Work item
Transcribe the lines from the start of the data below through the line with "#201=IFCMATERIALLAYERSET((#200),'Anodised Bronze Aluminium',$);", word for word and nothing more.

** Records follows **

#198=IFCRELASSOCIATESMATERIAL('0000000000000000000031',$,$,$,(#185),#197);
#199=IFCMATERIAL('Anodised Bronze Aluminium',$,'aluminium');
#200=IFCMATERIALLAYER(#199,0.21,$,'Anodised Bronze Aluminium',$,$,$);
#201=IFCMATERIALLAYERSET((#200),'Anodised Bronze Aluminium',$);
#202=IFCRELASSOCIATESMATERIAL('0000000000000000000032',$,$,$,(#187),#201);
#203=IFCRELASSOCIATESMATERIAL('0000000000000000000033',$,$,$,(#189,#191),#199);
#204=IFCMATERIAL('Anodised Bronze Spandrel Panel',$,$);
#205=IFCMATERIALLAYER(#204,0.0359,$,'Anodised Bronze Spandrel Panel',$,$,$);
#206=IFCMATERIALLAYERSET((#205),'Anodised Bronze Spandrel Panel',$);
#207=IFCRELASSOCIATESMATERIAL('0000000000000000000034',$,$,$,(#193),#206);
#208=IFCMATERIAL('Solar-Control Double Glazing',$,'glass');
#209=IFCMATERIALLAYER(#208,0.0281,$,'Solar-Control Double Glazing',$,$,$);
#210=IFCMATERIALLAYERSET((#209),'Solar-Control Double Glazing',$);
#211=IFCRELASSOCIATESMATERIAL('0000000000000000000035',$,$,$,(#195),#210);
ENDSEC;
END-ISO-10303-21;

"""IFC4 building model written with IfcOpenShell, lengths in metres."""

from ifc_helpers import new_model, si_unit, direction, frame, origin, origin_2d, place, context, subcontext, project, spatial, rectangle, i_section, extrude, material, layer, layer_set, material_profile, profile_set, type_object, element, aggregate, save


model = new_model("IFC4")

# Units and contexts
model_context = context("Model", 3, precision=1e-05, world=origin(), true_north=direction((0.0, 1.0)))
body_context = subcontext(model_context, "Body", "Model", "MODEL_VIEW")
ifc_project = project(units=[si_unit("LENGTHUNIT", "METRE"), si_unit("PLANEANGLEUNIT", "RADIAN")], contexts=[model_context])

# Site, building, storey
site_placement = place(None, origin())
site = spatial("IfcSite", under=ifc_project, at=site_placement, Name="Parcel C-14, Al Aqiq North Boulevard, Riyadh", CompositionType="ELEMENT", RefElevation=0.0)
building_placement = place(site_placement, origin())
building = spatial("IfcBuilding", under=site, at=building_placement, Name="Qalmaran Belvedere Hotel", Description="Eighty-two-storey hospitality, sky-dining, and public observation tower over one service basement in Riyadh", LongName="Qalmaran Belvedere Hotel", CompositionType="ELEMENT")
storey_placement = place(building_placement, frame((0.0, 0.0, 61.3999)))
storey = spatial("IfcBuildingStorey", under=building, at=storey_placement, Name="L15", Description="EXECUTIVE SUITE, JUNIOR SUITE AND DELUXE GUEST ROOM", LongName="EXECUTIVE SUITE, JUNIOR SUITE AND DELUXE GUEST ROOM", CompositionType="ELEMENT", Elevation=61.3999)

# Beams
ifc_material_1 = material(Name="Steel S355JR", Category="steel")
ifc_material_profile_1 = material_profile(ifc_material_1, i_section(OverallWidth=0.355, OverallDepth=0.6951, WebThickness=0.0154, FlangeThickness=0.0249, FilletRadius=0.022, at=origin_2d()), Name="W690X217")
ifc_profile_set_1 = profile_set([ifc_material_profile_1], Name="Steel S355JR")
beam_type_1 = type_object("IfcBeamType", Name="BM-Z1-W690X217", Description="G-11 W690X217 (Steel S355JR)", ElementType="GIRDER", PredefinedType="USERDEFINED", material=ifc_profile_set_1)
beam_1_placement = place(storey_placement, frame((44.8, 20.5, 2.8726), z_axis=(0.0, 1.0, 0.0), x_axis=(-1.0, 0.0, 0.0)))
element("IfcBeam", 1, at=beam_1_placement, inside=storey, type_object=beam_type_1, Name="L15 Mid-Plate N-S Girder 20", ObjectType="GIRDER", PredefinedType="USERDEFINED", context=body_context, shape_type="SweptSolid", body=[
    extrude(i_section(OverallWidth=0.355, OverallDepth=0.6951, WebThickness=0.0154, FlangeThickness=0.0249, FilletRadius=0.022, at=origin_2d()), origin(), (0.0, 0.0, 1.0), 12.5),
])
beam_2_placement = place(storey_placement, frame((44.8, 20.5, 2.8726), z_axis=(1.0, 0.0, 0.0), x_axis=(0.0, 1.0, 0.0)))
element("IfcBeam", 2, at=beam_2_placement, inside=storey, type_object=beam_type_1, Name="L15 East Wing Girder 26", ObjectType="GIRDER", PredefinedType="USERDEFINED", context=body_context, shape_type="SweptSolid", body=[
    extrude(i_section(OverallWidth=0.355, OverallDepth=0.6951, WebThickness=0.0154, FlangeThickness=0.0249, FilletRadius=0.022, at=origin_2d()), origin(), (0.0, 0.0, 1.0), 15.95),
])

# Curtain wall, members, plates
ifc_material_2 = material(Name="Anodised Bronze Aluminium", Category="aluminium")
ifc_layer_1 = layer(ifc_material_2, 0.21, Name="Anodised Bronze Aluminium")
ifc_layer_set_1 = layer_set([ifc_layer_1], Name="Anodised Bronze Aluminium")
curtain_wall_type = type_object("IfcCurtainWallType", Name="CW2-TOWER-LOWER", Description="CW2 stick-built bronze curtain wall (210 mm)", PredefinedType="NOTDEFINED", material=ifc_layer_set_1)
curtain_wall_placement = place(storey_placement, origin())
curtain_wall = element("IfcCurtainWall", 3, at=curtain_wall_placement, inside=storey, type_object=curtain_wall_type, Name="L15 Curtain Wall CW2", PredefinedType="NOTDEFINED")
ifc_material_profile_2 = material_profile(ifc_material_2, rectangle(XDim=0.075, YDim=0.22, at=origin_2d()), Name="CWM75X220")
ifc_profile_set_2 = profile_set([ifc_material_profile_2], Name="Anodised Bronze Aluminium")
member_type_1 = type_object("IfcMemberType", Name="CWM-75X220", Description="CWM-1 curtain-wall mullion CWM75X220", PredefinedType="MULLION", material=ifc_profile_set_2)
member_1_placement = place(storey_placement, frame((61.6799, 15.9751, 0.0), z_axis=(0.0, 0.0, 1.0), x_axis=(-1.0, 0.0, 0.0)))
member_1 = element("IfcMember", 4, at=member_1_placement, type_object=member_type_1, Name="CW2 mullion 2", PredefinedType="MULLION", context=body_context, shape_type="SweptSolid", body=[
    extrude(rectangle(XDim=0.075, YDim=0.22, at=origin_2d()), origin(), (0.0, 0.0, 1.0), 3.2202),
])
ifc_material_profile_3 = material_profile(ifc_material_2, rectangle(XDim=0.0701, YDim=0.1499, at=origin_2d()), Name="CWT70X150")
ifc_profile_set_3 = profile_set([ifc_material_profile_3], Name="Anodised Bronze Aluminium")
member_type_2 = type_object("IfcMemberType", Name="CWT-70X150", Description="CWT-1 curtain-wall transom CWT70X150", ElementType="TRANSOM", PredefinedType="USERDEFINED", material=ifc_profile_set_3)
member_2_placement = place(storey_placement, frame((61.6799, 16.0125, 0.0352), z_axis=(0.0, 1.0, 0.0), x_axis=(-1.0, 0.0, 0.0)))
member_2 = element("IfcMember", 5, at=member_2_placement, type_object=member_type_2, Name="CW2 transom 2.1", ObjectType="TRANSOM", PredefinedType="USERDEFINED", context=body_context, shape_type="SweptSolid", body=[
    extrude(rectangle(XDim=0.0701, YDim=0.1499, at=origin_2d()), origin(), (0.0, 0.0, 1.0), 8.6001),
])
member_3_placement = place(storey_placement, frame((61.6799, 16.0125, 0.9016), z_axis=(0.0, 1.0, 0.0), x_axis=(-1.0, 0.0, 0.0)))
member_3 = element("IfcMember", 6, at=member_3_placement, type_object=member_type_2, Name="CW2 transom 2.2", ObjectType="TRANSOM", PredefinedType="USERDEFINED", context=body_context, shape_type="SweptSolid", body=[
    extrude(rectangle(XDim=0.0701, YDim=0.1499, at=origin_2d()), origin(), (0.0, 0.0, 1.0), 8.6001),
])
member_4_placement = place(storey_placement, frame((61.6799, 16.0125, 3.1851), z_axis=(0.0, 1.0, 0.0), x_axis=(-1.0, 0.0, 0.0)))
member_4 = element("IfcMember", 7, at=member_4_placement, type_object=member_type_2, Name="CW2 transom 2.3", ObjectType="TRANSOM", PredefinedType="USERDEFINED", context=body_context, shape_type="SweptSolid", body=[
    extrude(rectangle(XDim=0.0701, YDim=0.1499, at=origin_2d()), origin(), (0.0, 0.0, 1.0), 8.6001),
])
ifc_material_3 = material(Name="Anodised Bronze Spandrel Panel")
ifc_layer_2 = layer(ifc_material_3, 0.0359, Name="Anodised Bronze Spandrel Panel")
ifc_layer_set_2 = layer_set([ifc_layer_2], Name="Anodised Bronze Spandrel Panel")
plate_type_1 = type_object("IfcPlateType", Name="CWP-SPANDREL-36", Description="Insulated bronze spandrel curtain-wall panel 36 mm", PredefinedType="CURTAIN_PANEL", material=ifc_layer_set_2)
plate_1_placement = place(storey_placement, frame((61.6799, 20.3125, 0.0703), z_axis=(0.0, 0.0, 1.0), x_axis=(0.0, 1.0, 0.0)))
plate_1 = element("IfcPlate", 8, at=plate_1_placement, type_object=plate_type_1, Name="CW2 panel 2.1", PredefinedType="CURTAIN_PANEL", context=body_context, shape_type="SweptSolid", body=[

** End of Records **

Exercise result
#198=IFCRELASSOCIATESMATERIAL('0000000000000000000031',$,$,$,(#185),#197);
#199=IFCMATERIAL('Anodised Bronze Aluminium',$,'aluminium');
#200=IFCMATERIALLAYER(#199,0.21,$,'Anodised Bronze Aluminium',$,$,$);
#201=IFCMATERIALLAYERSET((#200),'Anodised Bronze Aluminium',$);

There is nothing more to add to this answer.